_Exercise details_:
Nothing but the data itself, reproduced exactly, is the expected answer.

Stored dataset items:
┄┄┄┄┄┄
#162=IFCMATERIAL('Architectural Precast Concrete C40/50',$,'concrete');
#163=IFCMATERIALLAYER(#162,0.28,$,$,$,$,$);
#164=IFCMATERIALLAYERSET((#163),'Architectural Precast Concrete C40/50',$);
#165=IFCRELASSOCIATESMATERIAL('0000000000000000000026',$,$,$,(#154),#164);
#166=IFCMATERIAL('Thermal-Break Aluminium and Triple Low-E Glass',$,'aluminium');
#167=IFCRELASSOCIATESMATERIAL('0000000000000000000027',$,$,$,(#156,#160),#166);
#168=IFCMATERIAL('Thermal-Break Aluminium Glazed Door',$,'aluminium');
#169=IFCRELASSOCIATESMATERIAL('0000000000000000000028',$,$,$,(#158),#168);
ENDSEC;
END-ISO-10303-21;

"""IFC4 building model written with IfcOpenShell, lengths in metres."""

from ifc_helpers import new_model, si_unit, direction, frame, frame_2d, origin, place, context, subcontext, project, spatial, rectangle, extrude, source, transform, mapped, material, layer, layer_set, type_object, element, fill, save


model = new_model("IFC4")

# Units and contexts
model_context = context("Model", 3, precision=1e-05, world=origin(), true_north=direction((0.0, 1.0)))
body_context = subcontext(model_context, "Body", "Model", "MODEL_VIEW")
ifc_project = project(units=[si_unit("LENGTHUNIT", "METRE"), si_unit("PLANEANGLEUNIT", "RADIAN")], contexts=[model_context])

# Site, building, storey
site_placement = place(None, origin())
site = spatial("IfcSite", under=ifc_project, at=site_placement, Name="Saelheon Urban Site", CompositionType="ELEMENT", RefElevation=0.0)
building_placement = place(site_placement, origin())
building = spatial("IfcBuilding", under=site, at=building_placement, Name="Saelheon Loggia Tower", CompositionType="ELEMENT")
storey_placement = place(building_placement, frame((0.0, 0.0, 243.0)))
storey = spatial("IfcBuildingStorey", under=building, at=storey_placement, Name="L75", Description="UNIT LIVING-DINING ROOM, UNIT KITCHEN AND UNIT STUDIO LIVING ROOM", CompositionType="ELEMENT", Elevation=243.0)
┄┄┄┄┄┄
_Response to this task_:
#162=IFCMATERIAL('Architectural Precast Concrete C40/50',$,'concrete');
#163=IFCMATERIALLAYER(#162,0.28,$,$,$,$,$);
#164=IFCMATERIALLAYERSET((#163),'Architectural Precast Concrete C40/50',$);
#165=IFCRELASSOCIATESMATERIAL('0000000000000000000026',$,$,$,(#154),#164);
#166=IFCMATERIAL('Thermal-Break Aluminium and Triple Low-E Glass',$,'aluminium');
#167=IFCRELASSOCIATESMATERIAL('0000000000000000000027',$,$,$,(#156,#160),#166);
#168=IFCMATERIAL('Thermal-Break Aluminium Glazed Door',$,'aluminium');
#169=IFCRELASSOCIATESMATERIAL('0000000000000000000028',$,$,$,(#158),#168);
ENDSEC;
END-ISO-10303-21;

"""IFC4 building model written with IfcOpenShell, lengths in metres."""

from ifc_helpers import new_model, si_unit, direction, frame, frame_2d, origin, place, context, subcontext, project, spatial, rectangle, extrude, source, transform, mapped, material, layer, layer_set, type_object, element, fill, save


model = new_model("IFC4")

# Units and contexts
model_context = context("Model", 3, precision=1e-05, world=origin(), true_north=direction((0.0, 1.0)))
body_context = subcontext(model_context, "Body", "Model", "MODEL_VIEW")
ifc_project = project(units=[si_unit("LENGTHUNIT", "METRE"), si_unit("PLANEANGLEUNIT", "RADIAN")], contexts=[model_context])

# Site, building, storey
site_placement = place(None, origin())
site = spatial("IfcSite", under=ifc_project, at=site_placement, Name="Saelheon Urban Site", CompositionType="ELEMENT", RefElevation=0.0)
building_placement = place(site_placement, origin())
building = spatial("IfcBuilding", under=site, at=building_placement, Name="Saelheon Loggia Tower", CompositionType="ELEMENT")
storey_placement = place(building_placement, frame((0.0, 0.0, 243.0)))
storey = spatial("IfcBuildingStorey", under=building, at=storey_placement, Name="L75", Description="UNIT LIVING-DINING ROOM, UNIT KITCHEN AND UNIT STUDIO LIVING ROOM", CompositionType="ELEMENT", Elevation=243.0)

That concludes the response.